• **Assignment**: Some lines in the entries contain the word "framing". Copy all of them.

** Opening Exercise material block **

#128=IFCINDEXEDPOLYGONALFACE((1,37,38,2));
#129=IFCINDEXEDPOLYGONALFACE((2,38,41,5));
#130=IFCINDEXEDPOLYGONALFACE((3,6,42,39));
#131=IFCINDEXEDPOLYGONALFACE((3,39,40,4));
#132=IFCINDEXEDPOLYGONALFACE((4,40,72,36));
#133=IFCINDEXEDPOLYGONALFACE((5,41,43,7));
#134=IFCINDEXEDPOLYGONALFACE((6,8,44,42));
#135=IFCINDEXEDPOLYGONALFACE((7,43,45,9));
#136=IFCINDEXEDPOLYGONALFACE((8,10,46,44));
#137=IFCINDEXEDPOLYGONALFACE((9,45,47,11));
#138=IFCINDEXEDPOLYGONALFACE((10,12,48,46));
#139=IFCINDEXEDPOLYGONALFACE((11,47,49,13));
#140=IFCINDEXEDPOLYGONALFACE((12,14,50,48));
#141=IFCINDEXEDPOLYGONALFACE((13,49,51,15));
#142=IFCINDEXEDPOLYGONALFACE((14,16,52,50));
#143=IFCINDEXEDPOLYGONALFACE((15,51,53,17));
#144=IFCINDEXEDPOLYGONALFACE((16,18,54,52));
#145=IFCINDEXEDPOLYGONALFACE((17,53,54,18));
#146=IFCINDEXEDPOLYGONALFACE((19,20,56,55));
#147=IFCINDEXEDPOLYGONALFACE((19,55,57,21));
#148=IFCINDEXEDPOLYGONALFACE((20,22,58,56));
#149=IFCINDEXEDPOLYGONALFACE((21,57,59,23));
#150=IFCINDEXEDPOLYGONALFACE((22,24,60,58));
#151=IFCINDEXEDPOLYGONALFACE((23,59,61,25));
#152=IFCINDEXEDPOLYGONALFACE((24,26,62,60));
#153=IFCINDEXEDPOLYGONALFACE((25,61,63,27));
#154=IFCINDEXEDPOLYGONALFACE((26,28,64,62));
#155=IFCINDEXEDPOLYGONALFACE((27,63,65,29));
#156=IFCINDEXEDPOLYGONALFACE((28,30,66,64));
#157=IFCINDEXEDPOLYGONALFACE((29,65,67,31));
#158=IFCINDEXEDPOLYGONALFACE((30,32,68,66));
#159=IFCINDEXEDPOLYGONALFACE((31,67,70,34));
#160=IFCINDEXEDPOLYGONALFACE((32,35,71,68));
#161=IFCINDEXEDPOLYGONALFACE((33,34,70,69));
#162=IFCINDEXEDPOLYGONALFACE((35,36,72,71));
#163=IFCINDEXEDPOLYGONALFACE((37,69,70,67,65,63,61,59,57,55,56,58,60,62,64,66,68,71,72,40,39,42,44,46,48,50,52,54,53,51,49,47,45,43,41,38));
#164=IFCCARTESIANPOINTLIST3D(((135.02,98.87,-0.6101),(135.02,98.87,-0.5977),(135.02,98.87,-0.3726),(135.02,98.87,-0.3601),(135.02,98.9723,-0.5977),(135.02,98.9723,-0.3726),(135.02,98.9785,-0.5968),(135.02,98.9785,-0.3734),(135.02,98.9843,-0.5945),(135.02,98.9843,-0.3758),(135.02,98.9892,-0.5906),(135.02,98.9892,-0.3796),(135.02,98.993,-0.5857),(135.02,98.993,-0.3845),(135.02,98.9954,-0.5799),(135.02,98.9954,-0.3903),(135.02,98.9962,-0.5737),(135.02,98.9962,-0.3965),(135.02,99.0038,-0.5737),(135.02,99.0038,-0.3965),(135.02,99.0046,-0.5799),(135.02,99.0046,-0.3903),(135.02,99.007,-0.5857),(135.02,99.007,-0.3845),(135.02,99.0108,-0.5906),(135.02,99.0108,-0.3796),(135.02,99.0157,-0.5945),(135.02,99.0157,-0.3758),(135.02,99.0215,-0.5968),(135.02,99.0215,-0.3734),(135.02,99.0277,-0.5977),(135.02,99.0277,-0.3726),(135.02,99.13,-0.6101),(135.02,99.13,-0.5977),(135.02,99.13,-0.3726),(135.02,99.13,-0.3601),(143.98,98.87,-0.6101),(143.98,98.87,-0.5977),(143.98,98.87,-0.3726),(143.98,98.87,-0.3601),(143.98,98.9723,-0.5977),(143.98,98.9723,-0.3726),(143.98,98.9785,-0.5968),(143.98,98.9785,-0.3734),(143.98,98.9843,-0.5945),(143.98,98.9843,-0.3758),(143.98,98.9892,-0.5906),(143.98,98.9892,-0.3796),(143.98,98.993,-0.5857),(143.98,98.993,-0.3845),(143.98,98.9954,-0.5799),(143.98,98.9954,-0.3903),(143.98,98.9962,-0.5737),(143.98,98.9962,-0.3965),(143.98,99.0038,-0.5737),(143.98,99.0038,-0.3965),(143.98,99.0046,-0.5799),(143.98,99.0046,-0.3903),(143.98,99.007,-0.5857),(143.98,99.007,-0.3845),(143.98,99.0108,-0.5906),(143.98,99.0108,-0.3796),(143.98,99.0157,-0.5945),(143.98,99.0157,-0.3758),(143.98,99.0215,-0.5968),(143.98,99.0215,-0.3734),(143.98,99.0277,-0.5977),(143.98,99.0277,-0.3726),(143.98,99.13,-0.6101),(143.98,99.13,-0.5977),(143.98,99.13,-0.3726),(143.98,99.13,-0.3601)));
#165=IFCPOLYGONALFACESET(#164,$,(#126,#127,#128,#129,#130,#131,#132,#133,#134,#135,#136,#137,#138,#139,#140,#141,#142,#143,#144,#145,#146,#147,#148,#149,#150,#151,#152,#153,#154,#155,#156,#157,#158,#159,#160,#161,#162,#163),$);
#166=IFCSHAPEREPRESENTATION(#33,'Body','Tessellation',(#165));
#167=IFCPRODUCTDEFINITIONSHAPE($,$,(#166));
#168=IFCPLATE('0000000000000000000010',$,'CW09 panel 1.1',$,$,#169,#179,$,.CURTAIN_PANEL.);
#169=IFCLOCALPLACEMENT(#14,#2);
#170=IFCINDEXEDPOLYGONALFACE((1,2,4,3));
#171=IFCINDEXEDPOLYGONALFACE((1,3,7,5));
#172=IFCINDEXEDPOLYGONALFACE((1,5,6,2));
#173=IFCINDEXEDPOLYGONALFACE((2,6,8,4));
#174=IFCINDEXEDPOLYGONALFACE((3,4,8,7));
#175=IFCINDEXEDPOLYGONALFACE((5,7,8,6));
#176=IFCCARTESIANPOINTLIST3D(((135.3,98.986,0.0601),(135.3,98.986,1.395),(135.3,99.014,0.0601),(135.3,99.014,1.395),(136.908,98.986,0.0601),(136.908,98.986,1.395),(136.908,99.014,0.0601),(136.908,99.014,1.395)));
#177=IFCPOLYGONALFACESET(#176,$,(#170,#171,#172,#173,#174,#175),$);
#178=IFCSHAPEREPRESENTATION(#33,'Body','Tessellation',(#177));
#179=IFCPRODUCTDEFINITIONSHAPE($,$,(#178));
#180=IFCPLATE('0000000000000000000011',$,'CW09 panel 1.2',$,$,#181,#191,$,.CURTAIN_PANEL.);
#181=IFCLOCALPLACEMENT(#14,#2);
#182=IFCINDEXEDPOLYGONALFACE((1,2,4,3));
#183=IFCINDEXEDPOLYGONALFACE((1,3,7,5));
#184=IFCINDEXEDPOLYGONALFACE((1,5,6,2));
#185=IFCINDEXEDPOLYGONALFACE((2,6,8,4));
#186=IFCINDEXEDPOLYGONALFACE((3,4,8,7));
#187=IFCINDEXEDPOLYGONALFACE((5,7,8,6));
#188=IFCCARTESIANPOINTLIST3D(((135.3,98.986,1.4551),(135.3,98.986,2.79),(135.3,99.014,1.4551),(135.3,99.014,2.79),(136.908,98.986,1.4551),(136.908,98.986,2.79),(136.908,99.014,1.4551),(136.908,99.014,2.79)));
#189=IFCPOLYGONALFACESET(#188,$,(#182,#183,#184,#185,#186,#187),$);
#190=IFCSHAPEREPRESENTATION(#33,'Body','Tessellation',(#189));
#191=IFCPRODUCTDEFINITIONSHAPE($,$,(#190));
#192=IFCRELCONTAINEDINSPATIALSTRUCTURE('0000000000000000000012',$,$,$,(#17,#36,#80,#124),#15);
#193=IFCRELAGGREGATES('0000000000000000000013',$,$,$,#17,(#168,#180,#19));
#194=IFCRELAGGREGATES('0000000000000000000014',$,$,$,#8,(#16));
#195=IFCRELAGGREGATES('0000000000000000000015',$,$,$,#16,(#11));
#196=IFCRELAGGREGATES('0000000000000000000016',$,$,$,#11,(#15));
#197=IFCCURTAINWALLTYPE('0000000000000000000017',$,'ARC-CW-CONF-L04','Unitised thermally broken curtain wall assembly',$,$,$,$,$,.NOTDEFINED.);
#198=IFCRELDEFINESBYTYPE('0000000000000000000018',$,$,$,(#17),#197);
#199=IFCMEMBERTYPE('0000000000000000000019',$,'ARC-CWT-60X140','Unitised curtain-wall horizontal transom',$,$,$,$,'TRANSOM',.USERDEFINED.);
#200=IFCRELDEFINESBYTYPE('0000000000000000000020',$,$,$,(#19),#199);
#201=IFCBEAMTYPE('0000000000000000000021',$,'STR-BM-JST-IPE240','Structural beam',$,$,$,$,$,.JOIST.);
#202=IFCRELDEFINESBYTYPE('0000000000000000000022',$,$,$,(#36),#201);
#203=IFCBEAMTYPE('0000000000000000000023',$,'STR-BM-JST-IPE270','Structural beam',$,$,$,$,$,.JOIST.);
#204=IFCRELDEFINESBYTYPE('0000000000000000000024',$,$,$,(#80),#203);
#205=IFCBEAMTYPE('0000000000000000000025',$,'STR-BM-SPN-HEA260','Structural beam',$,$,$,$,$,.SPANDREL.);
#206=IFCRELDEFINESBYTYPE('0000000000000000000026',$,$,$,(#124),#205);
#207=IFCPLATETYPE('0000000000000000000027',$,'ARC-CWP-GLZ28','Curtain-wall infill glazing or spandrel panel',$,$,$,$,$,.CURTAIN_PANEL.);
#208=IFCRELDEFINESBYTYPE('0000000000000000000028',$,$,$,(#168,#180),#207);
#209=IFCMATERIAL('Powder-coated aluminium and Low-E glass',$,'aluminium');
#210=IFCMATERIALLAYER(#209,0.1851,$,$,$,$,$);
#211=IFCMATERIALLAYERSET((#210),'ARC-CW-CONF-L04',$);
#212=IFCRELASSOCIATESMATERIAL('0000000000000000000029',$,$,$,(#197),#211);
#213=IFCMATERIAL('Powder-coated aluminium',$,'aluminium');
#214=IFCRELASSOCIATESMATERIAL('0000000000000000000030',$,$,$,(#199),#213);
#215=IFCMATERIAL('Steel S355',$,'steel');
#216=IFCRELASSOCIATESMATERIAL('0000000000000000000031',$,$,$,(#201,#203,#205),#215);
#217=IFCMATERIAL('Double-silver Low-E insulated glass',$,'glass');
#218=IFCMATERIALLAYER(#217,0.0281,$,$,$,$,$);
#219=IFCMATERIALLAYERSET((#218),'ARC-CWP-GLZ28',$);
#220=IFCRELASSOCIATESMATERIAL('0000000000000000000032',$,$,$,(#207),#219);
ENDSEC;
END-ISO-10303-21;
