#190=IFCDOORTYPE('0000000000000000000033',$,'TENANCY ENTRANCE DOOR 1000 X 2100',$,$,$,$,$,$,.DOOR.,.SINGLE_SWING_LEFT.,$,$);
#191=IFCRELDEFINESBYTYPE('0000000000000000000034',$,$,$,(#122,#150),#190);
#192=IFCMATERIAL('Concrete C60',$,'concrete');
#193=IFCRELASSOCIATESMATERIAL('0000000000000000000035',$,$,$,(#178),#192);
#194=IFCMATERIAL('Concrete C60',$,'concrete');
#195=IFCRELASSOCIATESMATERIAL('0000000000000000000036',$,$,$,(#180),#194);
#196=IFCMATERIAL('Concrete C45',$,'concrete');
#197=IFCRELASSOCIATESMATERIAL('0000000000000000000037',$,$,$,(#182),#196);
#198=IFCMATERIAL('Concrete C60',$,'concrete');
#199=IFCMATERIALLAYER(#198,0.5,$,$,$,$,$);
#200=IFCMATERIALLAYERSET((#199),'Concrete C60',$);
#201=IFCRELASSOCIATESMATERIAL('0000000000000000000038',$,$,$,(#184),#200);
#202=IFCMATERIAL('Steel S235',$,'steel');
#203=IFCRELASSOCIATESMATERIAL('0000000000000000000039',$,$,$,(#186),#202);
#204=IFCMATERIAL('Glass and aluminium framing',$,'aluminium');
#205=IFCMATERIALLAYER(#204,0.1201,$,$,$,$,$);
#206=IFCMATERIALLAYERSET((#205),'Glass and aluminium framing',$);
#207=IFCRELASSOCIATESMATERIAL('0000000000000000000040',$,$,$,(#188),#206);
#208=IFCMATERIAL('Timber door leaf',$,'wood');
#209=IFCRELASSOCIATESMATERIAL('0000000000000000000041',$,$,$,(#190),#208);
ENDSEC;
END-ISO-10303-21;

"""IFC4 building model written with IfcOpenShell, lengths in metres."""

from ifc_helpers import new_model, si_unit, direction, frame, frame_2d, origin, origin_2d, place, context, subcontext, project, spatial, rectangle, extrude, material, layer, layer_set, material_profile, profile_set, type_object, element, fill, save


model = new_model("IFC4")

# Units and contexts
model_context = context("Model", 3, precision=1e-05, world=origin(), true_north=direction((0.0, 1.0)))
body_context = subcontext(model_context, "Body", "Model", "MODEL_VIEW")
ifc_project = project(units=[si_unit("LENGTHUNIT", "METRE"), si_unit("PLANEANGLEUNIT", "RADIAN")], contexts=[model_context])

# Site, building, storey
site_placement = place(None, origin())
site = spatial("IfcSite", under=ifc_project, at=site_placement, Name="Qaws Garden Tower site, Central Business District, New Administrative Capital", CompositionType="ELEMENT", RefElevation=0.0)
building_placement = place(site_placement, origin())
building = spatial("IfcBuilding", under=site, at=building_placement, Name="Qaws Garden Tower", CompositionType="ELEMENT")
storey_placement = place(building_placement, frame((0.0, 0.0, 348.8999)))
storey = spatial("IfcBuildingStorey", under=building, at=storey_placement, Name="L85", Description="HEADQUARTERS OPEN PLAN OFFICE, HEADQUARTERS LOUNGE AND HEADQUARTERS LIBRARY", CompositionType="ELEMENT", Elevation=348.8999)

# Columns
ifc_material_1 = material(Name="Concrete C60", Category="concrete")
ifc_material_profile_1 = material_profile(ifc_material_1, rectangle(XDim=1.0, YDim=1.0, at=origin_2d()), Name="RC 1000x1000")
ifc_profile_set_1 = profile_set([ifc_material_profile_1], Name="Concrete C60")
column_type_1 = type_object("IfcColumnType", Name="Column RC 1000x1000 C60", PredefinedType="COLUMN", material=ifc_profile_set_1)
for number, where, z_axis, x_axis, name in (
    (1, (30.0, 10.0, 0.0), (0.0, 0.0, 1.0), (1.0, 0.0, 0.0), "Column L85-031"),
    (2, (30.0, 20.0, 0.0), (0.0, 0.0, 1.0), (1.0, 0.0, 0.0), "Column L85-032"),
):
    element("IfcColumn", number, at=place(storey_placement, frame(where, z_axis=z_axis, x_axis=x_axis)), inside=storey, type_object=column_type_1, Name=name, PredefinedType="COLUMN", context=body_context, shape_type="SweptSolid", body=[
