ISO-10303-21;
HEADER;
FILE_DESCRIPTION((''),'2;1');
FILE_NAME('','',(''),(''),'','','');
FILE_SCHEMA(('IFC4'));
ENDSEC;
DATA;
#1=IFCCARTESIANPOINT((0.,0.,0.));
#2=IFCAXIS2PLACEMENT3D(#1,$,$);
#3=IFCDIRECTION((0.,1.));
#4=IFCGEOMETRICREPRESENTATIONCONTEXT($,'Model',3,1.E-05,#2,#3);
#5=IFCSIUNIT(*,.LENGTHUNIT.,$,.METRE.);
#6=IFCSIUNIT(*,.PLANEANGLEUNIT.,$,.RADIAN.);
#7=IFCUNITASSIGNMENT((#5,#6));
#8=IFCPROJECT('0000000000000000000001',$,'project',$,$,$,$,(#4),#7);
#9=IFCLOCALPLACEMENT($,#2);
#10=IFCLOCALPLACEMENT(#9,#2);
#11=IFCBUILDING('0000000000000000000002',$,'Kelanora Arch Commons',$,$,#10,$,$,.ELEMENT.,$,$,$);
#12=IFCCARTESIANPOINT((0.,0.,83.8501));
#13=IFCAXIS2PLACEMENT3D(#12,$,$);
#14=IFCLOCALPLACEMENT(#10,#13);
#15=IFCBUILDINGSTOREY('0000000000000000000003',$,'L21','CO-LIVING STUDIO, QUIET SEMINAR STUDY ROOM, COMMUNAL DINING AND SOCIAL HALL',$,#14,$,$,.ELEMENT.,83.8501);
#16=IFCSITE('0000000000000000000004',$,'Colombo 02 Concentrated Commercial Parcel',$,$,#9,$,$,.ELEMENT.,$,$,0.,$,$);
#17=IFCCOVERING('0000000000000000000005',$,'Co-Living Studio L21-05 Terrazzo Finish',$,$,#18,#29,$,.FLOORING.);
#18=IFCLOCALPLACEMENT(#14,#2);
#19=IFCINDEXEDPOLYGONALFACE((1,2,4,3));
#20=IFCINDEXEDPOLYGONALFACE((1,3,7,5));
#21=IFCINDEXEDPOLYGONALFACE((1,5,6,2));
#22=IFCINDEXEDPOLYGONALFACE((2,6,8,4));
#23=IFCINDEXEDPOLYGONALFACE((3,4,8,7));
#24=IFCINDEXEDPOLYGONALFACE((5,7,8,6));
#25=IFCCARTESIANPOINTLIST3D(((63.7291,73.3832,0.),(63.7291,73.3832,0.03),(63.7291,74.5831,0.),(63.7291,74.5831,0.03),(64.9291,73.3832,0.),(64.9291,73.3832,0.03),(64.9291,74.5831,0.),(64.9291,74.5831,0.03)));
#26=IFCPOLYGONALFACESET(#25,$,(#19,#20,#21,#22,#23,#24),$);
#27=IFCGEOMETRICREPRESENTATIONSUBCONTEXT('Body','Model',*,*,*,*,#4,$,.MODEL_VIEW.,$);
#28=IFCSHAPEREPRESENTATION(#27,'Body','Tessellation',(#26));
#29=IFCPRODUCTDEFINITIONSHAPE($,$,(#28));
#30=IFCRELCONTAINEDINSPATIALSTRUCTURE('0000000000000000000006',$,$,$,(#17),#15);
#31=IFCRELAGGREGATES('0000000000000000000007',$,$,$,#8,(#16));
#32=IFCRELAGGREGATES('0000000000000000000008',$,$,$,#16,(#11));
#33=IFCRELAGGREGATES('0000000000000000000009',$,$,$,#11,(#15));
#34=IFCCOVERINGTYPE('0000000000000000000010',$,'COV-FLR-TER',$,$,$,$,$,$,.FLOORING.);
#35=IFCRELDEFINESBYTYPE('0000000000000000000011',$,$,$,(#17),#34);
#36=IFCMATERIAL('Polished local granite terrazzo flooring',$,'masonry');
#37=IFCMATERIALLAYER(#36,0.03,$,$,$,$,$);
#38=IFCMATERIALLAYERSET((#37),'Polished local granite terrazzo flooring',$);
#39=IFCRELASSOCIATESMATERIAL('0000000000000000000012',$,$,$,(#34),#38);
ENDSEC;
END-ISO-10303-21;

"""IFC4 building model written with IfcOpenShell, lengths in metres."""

from ifc_helpers import new_model, si_unit, direction, frame, origin, origin_2d, place, context, subcontext, project, spatial, rectangle, extrude, source, transform, mapped, material, layer, layer_set, type_object, element, save


model = new_model("IFC4")

# Units and contexts
model_context = context("Model", 3, precision=1e-05, world=origin(), true_north=direction((0.0, 1.0)))
body_context = subcontext(model_context, "Body", "Model", "MODEL_VIEW")
ifc_project = project(units=[si_unit("LENGTHUNIT", "METRE"), si_unit("PLANEANGLEUNIT", "RADIAN")], contexts=[model_context])

# Site, building, storey
site_placement = place(None, origin())
site = spatial("IfcSite", under=ifc_project, at=site_placement, Name="Colombo 02 Concentrated Commercial Parcel", CompositionType="ELEMENT", RefElevation=0.0)
building_placement = place(site_placement, origin())
building = spatial("IfcBuilding", under=site, at=building_placement, Name="Kelanora Arch Commons", CompositionType="ELEMENT")
storey_placement = place(building_placement, frame((0.0, 0.0, 83.8501)))
storey = spatial("IfcBuildingStorey", under=building, at=storey_placement, Name="L21", Description="CO-LIVING STUDIO, QUIET SEMINAR STUDY ROOM, COMMUNAL DINING AND SOCIAL HALL", CompositionType="ELEMENT", Elevation=83.8501)

# Covering
ifc_material_1 = material(Name="Polished local granite terrazzo flooring", Category="masonry")
ifc_layer_1 = layer(ifc_material_1, 0.03)
ifc_layer_set_1 = layer_set([ifc_layer_1], Name="Polished local granite terrazzo flooring")
covering_type = type_object("IfcCoveringType", Name="COV-FLR-TER", PredefinedType="FLOORING", material=ifc_layer_set_1)
shared_shape_1 = source(origin(), body_context, "Body", "SweptSolid", [
    extrude(rectangle(XDim=1.2, YDim=1.2, at=origin_2d()), origin(), (0.0, 0.0, 1.0), 0.03),
])
for number, where, z_axis, x_axis, name in (
    (1, (64.3291, 73.9832, 0.0), (0.0, 0.0, 1.0), (1.0, 0.0, 0.0), "Co-Living Studio L21-05 Terrazzo Finish"),
):
    element("IfcCovering", number, at=place(storey_placement, frame(where, z_axis=z_axis, x_axis=x_axis)), inside=storey, type_object=covering_type, Name=name, PredefinedType="FLOORING", context=body_context, shape_type="MappedRepresentation", body=[
        mapped(shared_shape_1, transform((0.0, 0.0, 0.0), scale=1.0)),
    ])

save(model, "model.ifc")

** Closing Exercise material block **

• **Answer section**:
#204=IFCMATERIAL('Glass and aluminium framing',$,'aluminium');
#206=IFCMATERIALLAYERSET((#205),'Glass and aluminium framing',$);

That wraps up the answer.